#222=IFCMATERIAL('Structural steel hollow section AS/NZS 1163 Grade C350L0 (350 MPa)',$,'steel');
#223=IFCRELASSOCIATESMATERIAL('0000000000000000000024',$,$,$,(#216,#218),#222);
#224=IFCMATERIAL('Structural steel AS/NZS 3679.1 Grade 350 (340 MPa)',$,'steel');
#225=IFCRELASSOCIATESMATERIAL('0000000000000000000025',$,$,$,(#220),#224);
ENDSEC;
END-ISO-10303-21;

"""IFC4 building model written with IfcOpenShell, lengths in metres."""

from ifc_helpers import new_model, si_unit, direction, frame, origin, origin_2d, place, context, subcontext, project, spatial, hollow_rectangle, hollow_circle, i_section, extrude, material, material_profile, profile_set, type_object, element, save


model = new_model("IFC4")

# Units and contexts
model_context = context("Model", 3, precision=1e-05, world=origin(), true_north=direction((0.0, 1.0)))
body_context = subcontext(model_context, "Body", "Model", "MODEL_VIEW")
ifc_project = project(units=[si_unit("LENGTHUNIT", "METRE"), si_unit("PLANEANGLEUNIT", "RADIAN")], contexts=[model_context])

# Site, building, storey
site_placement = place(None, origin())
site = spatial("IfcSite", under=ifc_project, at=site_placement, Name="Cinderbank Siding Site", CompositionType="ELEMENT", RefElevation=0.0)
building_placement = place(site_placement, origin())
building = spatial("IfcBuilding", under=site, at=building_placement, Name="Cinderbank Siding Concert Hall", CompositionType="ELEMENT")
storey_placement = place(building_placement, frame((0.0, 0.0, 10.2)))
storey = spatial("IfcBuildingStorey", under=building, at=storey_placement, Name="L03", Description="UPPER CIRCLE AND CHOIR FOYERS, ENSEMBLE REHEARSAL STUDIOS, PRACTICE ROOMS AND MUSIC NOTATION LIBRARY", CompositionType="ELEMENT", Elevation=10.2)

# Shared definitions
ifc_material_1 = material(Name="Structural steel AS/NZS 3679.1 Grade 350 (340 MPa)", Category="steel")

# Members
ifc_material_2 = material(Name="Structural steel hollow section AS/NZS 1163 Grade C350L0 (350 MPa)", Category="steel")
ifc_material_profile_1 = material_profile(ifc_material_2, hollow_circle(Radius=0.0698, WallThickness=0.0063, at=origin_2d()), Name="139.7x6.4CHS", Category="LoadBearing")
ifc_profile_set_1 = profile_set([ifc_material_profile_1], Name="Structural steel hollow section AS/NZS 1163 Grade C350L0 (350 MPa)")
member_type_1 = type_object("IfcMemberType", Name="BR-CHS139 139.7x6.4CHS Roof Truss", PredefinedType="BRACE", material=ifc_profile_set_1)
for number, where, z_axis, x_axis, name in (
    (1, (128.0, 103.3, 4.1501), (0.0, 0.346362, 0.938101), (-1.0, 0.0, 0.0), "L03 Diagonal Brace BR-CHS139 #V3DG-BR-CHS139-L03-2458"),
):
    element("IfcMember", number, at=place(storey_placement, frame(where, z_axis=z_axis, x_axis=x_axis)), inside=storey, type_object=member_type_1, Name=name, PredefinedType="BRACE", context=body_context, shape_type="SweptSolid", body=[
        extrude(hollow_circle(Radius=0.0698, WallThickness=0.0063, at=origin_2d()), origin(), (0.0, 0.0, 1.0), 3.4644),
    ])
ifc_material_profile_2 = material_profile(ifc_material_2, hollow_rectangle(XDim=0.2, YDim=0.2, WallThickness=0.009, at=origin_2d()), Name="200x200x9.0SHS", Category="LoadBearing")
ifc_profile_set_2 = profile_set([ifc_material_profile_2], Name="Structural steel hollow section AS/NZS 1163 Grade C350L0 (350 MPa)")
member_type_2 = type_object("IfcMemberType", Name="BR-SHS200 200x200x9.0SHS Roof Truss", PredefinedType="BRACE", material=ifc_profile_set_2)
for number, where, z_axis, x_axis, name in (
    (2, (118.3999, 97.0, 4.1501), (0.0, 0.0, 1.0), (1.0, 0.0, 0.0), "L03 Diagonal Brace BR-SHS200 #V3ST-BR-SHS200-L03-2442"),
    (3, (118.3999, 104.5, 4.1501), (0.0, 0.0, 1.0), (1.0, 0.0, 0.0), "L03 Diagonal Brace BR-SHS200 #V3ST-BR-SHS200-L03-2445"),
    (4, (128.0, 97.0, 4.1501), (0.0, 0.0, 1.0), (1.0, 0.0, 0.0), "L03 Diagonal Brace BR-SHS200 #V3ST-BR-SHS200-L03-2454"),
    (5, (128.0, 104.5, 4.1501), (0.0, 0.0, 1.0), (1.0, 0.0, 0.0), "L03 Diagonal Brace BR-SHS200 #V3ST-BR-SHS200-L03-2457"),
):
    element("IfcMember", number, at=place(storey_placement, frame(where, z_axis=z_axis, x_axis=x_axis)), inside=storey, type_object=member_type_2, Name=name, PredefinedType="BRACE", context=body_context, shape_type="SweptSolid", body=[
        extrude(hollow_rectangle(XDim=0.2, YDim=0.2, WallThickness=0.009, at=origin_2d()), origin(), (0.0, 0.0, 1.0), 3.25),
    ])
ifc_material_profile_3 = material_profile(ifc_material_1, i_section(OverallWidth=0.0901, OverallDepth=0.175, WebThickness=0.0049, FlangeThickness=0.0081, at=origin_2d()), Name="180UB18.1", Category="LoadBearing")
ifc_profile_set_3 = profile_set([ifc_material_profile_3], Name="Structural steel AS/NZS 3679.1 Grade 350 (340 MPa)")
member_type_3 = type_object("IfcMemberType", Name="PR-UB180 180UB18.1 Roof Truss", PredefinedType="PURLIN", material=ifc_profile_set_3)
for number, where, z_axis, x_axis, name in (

▶ _Work request_
Go through the records and report each line that contains "Radius".

▶ _Answer box_
ifc_material_profile_1 = material_profile(ifc_material_2, hollow_circle(Radius=0.0698, WallThickness=0.0063, at=origin_2d()), Name="139.7x6.4CHS", Category="LoadBearing")
        extrude(hollow_circle(Radius=0.0698, WallThickness=0.0063, at=origin_2d()), origin(), (0.0, 0.0, 1.0), 3.4644),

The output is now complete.